Task prompt – Report each line of the records where "contexts" occurs.

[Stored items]

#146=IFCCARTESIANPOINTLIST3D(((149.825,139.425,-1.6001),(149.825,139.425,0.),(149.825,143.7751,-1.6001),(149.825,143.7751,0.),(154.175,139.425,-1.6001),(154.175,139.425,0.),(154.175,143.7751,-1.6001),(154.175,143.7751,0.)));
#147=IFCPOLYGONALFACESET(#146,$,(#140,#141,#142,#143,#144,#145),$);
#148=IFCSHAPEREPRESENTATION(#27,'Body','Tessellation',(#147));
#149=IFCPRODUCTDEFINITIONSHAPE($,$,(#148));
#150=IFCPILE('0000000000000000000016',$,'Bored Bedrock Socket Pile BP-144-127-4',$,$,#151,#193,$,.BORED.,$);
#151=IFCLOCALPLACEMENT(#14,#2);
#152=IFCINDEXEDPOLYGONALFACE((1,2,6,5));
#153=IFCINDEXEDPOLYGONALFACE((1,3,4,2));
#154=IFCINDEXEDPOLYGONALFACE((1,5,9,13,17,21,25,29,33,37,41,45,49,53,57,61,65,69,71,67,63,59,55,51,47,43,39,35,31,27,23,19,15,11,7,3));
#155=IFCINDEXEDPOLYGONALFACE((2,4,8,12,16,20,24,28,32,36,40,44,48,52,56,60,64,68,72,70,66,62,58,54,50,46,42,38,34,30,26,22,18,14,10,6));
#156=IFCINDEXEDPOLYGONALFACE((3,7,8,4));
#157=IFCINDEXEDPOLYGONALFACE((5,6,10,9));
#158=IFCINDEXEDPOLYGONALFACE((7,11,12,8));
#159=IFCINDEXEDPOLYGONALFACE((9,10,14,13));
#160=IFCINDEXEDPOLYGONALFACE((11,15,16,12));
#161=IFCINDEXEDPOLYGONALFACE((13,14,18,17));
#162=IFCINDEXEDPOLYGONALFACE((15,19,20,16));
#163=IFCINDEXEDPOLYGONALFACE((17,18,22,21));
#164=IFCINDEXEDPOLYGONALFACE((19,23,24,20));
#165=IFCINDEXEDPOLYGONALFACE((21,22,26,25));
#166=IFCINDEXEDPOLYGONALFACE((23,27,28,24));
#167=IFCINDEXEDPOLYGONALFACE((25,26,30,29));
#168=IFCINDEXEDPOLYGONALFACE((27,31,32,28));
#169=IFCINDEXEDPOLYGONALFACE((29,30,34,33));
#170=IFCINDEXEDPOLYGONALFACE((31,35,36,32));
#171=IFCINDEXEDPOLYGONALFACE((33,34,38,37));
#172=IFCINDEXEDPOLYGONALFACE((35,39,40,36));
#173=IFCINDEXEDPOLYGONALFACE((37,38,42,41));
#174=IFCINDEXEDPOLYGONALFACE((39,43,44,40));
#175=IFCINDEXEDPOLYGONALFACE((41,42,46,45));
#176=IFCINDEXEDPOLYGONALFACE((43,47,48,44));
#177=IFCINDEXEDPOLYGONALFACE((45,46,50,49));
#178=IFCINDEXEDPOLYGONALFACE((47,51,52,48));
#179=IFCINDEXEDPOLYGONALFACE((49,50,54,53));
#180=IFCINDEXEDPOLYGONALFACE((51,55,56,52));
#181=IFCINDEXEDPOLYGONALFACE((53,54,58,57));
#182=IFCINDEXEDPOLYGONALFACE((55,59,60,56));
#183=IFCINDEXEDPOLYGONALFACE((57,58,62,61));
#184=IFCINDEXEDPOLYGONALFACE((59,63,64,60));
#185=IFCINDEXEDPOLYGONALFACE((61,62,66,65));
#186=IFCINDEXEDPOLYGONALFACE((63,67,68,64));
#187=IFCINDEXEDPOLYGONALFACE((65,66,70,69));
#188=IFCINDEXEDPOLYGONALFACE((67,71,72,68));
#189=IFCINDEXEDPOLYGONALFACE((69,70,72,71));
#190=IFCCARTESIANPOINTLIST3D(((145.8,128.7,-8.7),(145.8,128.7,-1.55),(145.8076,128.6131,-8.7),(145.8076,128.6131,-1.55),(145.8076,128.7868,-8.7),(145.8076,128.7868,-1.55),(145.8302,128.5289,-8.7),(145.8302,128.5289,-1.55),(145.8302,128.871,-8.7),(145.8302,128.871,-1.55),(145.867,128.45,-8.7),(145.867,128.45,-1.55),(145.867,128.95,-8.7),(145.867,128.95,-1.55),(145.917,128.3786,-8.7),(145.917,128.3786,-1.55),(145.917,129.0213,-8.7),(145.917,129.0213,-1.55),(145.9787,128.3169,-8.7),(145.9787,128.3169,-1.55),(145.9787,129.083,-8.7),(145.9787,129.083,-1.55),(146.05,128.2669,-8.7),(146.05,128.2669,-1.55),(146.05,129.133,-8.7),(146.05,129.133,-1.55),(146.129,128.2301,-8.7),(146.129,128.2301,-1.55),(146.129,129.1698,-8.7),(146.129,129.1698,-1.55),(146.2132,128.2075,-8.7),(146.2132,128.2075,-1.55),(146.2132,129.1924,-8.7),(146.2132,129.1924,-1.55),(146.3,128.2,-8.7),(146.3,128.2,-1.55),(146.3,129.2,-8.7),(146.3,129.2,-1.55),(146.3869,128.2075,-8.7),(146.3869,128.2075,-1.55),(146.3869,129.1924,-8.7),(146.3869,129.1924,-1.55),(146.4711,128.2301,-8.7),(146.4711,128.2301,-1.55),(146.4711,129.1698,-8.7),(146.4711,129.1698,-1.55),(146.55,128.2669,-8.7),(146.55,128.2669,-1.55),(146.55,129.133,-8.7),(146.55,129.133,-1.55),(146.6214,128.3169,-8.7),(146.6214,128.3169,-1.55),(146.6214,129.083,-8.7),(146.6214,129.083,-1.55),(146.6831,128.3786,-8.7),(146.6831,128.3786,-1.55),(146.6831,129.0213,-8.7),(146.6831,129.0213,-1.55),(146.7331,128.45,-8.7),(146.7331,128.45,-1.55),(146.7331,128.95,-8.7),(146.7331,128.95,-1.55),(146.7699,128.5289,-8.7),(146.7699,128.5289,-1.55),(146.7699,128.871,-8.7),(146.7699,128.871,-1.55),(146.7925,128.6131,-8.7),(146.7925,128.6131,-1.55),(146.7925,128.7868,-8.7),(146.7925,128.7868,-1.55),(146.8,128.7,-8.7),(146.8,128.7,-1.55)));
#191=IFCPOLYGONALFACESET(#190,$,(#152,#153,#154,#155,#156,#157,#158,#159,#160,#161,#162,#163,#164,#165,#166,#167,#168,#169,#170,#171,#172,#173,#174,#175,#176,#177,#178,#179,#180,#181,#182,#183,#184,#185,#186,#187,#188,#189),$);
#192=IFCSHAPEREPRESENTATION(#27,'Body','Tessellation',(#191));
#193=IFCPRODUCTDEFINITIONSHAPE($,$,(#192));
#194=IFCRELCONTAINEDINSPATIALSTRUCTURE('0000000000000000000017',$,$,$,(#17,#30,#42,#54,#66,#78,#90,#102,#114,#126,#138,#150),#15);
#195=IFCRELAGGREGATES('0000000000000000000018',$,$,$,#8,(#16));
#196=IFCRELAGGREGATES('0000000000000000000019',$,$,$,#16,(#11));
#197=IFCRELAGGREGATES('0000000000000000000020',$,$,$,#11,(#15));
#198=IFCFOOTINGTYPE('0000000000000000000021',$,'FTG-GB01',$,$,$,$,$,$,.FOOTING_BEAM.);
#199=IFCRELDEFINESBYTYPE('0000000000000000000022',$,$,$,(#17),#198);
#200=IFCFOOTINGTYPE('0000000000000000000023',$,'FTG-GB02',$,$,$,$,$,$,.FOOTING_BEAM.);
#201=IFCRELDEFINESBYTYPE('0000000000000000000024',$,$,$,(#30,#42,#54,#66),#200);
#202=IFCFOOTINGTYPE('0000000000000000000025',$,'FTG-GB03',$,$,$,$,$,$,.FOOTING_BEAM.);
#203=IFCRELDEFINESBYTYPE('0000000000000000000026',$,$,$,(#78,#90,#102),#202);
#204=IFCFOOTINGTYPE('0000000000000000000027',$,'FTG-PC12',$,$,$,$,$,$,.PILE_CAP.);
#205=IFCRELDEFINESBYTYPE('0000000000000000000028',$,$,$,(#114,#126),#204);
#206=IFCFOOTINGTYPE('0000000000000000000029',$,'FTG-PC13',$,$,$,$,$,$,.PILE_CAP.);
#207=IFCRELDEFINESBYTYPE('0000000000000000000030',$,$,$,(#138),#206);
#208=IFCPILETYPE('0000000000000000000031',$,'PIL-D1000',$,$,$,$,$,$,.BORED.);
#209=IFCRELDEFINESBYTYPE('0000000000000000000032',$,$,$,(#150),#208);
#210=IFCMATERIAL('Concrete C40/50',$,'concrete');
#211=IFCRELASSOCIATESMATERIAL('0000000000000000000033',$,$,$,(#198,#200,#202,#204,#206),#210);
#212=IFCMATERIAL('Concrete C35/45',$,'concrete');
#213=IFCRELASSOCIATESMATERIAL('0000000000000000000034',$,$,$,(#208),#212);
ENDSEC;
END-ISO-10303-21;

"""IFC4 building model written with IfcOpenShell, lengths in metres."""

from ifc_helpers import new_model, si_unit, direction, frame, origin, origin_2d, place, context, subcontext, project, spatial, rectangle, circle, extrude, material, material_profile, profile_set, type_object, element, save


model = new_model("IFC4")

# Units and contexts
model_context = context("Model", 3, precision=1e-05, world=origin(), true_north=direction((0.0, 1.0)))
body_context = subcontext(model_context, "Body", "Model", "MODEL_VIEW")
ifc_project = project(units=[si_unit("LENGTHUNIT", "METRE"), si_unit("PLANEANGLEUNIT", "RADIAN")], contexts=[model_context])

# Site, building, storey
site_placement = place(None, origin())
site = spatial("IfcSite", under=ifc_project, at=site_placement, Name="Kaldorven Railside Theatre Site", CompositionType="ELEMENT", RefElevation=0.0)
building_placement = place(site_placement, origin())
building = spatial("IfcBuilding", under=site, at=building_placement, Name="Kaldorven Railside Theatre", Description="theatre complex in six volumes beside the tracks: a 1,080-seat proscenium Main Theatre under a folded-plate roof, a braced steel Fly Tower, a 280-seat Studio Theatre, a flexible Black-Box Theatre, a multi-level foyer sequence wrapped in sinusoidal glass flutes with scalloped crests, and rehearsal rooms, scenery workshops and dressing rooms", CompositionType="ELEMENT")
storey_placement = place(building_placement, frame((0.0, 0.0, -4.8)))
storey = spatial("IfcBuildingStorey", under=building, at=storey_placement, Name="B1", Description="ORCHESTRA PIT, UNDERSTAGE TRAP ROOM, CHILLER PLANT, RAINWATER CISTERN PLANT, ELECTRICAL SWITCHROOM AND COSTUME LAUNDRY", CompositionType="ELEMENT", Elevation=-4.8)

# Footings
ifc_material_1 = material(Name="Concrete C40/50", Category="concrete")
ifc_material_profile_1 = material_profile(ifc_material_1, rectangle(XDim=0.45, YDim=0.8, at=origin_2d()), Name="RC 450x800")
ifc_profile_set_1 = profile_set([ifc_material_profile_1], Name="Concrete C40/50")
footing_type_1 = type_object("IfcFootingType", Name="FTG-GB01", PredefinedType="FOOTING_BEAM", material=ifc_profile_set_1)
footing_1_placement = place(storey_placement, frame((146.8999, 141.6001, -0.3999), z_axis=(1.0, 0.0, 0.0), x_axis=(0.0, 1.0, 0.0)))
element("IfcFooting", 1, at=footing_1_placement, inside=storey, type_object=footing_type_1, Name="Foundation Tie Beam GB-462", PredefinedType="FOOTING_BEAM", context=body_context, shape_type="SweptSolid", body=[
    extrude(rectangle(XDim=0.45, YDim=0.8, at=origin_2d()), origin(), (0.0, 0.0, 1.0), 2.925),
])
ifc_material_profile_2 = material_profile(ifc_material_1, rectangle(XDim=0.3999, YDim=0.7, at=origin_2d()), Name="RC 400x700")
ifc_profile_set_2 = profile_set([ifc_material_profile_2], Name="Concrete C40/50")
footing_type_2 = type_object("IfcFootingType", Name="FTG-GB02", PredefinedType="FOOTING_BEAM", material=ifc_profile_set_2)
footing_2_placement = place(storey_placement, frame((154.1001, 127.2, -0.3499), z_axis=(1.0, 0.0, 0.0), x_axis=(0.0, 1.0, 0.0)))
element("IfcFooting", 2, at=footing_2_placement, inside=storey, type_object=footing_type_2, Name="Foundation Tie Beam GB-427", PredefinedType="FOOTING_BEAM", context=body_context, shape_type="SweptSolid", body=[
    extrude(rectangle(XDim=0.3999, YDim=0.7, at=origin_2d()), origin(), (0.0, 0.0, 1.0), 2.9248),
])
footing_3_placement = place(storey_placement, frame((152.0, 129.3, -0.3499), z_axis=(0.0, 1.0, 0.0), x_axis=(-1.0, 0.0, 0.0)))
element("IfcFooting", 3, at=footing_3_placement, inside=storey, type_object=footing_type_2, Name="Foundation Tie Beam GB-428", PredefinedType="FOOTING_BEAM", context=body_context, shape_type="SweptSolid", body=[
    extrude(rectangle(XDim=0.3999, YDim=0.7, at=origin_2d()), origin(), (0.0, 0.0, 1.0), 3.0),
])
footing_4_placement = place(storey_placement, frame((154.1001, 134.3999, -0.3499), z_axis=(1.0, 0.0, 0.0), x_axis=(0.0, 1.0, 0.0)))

The completed task –
# Units and contexts
ifc_project = project(units=[si_unit("LENGTHUNIT", "METRE"), si_unit("PLANEANGLEUNIT", "RADIAN")], contexts=[model_context])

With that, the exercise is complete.